= Work instruction =
Work through the data below and give the number of lines holding the word "IFCSHAPEREPRESENTATION", without any other text.
**********
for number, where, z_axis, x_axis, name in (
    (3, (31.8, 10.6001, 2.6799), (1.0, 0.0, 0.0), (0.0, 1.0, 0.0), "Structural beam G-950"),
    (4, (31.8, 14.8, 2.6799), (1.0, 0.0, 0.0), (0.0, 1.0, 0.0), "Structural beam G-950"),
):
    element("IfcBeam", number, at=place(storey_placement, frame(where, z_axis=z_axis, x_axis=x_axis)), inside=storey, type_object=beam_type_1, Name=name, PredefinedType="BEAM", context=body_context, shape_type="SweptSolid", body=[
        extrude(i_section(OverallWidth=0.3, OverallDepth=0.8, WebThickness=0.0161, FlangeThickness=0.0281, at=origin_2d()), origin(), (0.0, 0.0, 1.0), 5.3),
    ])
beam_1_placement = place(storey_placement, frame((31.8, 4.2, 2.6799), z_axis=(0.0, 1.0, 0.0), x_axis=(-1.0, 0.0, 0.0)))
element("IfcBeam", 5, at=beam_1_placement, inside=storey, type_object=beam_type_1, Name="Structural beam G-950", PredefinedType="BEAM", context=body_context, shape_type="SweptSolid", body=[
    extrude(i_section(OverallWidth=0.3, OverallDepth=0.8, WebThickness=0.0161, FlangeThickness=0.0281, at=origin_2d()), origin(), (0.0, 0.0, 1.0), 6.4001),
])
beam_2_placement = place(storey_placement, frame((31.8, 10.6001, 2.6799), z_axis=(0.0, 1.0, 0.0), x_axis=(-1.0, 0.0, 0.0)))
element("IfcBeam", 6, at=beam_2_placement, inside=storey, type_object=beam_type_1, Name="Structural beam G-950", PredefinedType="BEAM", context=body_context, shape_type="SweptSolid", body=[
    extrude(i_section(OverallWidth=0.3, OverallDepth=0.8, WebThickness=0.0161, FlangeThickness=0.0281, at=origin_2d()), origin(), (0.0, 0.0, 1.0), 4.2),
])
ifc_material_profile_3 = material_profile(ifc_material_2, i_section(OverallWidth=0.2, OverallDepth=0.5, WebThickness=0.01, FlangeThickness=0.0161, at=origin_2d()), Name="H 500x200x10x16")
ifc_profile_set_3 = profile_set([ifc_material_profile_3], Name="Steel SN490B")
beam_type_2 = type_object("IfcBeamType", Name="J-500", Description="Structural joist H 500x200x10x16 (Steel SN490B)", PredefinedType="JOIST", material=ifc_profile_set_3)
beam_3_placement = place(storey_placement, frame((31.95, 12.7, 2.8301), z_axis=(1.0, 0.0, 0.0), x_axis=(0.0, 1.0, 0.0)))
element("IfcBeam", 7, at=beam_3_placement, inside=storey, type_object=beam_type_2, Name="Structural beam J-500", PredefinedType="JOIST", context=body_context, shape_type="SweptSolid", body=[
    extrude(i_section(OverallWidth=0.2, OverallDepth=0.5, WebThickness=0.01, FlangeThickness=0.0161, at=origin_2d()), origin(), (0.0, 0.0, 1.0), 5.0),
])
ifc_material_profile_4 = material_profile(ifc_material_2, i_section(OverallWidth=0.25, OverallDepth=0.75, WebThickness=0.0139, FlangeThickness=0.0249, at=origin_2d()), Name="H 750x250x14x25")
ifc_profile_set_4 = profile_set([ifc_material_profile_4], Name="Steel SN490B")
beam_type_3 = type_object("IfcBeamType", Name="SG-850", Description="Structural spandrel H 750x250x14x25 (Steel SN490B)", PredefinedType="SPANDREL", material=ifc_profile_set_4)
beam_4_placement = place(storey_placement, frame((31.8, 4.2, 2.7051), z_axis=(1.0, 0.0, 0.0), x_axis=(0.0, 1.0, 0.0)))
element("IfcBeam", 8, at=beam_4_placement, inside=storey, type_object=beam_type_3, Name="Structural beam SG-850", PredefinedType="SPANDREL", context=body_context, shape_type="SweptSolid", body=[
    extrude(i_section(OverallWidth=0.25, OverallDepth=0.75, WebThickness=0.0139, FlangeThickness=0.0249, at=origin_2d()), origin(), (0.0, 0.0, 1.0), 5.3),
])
**********
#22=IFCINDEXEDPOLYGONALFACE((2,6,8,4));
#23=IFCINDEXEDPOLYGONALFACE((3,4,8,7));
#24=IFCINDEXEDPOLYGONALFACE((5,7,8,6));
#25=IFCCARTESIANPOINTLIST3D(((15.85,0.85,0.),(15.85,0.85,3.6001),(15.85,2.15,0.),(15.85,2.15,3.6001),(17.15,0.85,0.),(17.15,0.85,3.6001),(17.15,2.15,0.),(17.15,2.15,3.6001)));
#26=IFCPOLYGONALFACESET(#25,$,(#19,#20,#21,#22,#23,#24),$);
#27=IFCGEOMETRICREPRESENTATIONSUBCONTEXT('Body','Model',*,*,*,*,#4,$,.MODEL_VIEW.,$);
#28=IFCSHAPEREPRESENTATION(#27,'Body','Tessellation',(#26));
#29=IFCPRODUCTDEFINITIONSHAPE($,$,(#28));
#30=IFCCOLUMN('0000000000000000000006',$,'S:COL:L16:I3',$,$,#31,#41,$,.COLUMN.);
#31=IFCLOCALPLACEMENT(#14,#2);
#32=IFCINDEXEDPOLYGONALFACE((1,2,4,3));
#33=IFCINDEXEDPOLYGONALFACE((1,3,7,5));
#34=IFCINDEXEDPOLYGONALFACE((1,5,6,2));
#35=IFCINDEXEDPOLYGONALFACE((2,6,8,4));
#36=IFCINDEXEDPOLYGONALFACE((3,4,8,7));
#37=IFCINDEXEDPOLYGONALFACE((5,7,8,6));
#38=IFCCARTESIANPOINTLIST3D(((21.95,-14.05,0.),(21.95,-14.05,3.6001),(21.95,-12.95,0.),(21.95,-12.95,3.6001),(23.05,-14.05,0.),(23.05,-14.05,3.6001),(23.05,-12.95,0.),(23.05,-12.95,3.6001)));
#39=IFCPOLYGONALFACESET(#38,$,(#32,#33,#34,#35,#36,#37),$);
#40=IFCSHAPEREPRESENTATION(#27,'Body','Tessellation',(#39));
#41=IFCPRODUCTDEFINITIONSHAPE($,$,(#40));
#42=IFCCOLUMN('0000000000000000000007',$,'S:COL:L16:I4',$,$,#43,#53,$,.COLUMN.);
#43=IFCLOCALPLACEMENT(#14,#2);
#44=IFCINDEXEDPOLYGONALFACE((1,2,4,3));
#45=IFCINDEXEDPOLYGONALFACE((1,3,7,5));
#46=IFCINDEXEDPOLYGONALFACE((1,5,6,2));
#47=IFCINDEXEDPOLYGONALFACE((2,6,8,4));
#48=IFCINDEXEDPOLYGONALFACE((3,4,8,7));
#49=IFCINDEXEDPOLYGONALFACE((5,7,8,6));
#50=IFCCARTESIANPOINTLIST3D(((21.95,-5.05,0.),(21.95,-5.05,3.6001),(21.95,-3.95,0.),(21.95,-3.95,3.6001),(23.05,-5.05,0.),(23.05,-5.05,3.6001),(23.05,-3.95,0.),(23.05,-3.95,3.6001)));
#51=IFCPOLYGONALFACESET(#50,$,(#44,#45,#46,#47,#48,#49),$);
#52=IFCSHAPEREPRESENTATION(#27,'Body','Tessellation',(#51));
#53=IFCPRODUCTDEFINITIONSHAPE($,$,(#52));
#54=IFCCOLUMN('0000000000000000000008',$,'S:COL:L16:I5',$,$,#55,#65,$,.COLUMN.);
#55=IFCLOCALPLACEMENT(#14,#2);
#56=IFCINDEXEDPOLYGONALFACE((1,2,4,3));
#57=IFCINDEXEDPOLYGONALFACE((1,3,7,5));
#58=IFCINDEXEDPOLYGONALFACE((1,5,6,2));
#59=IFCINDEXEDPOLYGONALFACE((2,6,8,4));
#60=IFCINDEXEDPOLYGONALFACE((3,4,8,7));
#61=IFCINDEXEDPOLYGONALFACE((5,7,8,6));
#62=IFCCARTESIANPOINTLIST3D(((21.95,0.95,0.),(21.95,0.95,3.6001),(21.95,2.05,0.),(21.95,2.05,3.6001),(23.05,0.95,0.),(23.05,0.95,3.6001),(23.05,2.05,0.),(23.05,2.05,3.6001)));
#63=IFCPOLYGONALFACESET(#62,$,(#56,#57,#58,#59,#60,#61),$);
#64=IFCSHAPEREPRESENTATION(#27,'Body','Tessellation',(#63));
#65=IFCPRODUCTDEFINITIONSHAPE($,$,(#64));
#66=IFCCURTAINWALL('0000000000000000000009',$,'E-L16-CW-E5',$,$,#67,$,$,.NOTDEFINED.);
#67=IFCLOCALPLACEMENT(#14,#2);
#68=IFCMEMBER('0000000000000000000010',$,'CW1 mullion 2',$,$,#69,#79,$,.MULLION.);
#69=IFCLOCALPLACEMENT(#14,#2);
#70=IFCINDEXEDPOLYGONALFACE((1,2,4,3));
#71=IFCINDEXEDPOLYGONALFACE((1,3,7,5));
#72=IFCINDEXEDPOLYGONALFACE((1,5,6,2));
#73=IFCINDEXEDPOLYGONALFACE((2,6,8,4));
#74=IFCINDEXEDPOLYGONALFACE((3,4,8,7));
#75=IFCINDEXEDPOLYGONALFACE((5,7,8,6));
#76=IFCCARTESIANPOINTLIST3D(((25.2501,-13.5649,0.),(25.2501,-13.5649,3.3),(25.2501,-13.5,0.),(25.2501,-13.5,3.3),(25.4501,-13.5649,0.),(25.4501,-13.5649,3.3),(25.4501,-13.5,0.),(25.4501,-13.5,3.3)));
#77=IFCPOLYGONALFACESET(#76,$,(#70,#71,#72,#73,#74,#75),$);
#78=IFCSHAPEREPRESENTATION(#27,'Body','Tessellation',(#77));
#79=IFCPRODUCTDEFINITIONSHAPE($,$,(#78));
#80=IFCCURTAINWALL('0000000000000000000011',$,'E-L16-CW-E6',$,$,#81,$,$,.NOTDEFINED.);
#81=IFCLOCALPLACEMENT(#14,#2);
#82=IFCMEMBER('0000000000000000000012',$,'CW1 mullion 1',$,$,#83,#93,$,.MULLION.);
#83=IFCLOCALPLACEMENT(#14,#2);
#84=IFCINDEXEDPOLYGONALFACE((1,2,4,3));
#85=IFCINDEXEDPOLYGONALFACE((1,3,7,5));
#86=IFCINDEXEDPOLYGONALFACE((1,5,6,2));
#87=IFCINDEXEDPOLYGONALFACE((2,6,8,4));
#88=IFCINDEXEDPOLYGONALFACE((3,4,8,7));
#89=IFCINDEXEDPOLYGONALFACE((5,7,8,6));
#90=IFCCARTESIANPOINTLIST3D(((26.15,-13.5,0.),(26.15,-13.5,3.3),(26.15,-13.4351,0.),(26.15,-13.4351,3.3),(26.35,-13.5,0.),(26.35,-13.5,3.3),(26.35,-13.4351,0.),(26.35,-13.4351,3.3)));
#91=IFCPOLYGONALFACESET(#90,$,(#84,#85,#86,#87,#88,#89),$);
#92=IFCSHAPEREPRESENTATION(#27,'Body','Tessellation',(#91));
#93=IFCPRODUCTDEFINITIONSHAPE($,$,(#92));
**********
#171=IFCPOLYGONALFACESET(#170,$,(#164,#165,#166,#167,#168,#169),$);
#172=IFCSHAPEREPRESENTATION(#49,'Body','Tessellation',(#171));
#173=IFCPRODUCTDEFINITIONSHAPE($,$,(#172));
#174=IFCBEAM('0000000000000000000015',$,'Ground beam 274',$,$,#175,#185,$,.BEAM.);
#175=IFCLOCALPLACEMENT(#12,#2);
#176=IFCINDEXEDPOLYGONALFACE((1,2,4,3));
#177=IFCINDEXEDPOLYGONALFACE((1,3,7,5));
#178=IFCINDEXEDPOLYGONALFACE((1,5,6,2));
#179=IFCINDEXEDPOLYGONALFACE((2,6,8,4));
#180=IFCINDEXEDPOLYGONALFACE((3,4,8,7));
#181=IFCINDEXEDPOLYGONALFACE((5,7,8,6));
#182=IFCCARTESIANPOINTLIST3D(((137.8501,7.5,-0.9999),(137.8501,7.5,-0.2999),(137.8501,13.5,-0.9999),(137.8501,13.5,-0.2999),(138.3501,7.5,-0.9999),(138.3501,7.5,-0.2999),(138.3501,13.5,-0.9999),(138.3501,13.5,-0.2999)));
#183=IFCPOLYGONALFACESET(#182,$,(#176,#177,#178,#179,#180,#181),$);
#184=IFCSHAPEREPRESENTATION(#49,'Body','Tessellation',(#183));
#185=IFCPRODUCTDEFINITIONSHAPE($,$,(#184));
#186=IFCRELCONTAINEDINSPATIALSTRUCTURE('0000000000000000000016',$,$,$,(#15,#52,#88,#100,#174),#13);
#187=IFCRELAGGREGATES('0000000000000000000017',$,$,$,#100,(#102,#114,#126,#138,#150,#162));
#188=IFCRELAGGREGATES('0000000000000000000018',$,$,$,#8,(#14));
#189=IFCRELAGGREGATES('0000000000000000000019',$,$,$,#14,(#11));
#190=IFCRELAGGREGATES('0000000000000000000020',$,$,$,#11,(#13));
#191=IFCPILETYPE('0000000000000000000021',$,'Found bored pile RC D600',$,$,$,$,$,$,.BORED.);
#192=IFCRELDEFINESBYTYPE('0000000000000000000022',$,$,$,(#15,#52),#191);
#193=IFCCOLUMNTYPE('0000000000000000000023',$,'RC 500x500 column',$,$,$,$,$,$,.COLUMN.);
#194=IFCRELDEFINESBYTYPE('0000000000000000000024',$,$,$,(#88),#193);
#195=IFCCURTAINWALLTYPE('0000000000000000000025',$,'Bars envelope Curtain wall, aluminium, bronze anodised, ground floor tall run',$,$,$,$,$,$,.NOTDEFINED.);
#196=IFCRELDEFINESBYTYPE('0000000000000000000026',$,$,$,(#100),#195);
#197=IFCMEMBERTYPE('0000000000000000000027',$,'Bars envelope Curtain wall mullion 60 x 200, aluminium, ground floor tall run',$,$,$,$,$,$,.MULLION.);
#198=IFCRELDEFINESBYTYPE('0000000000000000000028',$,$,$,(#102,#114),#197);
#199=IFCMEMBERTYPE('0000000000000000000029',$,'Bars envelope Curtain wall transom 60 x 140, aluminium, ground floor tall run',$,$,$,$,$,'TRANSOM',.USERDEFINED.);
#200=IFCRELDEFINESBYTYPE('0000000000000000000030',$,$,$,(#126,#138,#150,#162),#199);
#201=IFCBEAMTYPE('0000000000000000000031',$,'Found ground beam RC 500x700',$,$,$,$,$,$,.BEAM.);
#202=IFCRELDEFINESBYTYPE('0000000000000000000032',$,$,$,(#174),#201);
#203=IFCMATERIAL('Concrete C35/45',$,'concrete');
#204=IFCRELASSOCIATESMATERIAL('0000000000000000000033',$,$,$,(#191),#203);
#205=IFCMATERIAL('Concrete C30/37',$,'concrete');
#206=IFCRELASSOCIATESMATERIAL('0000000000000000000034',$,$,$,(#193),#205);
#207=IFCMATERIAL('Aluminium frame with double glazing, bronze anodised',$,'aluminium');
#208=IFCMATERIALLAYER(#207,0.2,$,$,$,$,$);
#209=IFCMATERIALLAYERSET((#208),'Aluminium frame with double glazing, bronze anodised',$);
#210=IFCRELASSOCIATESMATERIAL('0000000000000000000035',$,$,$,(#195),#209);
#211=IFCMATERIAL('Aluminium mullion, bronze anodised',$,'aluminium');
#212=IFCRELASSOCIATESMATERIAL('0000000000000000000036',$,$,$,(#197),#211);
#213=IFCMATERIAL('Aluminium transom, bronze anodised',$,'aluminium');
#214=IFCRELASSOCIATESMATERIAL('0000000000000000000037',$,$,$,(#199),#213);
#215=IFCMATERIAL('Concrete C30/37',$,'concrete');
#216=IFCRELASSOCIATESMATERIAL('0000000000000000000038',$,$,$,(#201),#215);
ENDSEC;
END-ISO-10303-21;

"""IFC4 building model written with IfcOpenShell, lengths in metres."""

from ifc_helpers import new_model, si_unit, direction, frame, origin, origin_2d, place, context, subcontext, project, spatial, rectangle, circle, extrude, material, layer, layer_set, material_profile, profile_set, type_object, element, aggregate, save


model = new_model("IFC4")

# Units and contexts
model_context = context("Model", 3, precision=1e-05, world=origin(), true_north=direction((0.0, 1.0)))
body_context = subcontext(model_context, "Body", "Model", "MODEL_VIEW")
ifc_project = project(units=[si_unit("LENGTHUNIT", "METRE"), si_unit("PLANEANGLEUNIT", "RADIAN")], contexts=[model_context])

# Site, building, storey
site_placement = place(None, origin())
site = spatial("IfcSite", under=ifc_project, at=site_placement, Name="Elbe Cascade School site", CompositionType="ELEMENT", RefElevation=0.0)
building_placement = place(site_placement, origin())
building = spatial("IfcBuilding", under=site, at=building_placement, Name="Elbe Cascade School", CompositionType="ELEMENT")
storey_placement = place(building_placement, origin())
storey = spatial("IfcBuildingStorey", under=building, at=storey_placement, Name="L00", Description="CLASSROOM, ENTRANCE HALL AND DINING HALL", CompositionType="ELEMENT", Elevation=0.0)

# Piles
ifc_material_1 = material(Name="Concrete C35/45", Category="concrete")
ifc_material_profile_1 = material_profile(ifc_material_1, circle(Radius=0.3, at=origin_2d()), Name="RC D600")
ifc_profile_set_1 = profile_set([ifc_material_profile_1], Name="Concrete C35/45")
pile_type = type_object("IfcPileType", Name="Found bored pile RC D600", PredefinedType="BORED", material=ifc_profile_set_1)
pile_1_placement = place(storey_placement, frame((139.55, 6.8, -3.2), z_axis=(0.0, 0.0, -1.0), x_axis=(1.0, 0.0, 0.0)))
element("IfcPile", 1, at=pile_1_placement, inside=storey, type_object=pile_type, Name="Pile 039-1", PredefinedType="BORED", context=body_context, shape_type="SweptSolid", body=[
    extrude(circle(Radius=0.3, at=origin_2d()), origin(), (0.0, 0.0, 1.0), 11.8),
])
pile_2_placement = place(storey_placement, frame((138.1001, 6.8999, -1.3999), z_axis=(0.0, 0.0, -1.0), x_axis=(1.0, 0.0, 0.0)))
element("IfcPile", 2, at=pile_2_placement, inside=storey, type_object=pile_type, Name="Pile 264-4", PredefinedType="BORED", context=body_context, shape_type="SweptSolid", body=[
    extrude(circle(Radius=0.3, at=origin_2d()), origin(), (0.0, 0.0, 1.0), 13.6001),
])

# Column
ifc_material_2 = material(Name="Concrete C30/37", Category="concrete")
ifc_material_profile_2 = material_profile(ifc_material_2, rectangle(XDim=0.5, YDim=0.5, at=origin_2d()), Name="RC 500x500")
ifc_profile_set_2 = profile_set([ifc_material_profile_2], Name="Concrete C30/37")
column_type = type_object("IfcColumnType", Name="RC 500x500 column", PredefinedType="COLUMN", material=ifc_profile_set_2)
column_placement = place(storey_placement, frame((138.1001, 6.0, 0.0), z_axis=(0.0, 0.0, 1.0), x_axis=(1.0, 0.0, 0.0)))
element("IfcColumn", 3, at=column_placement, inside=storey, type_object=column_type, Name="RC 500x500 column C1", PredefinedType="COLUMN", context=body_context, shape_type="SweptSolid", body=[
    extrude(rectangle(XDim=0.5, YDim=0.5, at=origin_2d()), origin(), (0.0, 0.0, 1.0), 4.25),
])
**********
= Written response =
8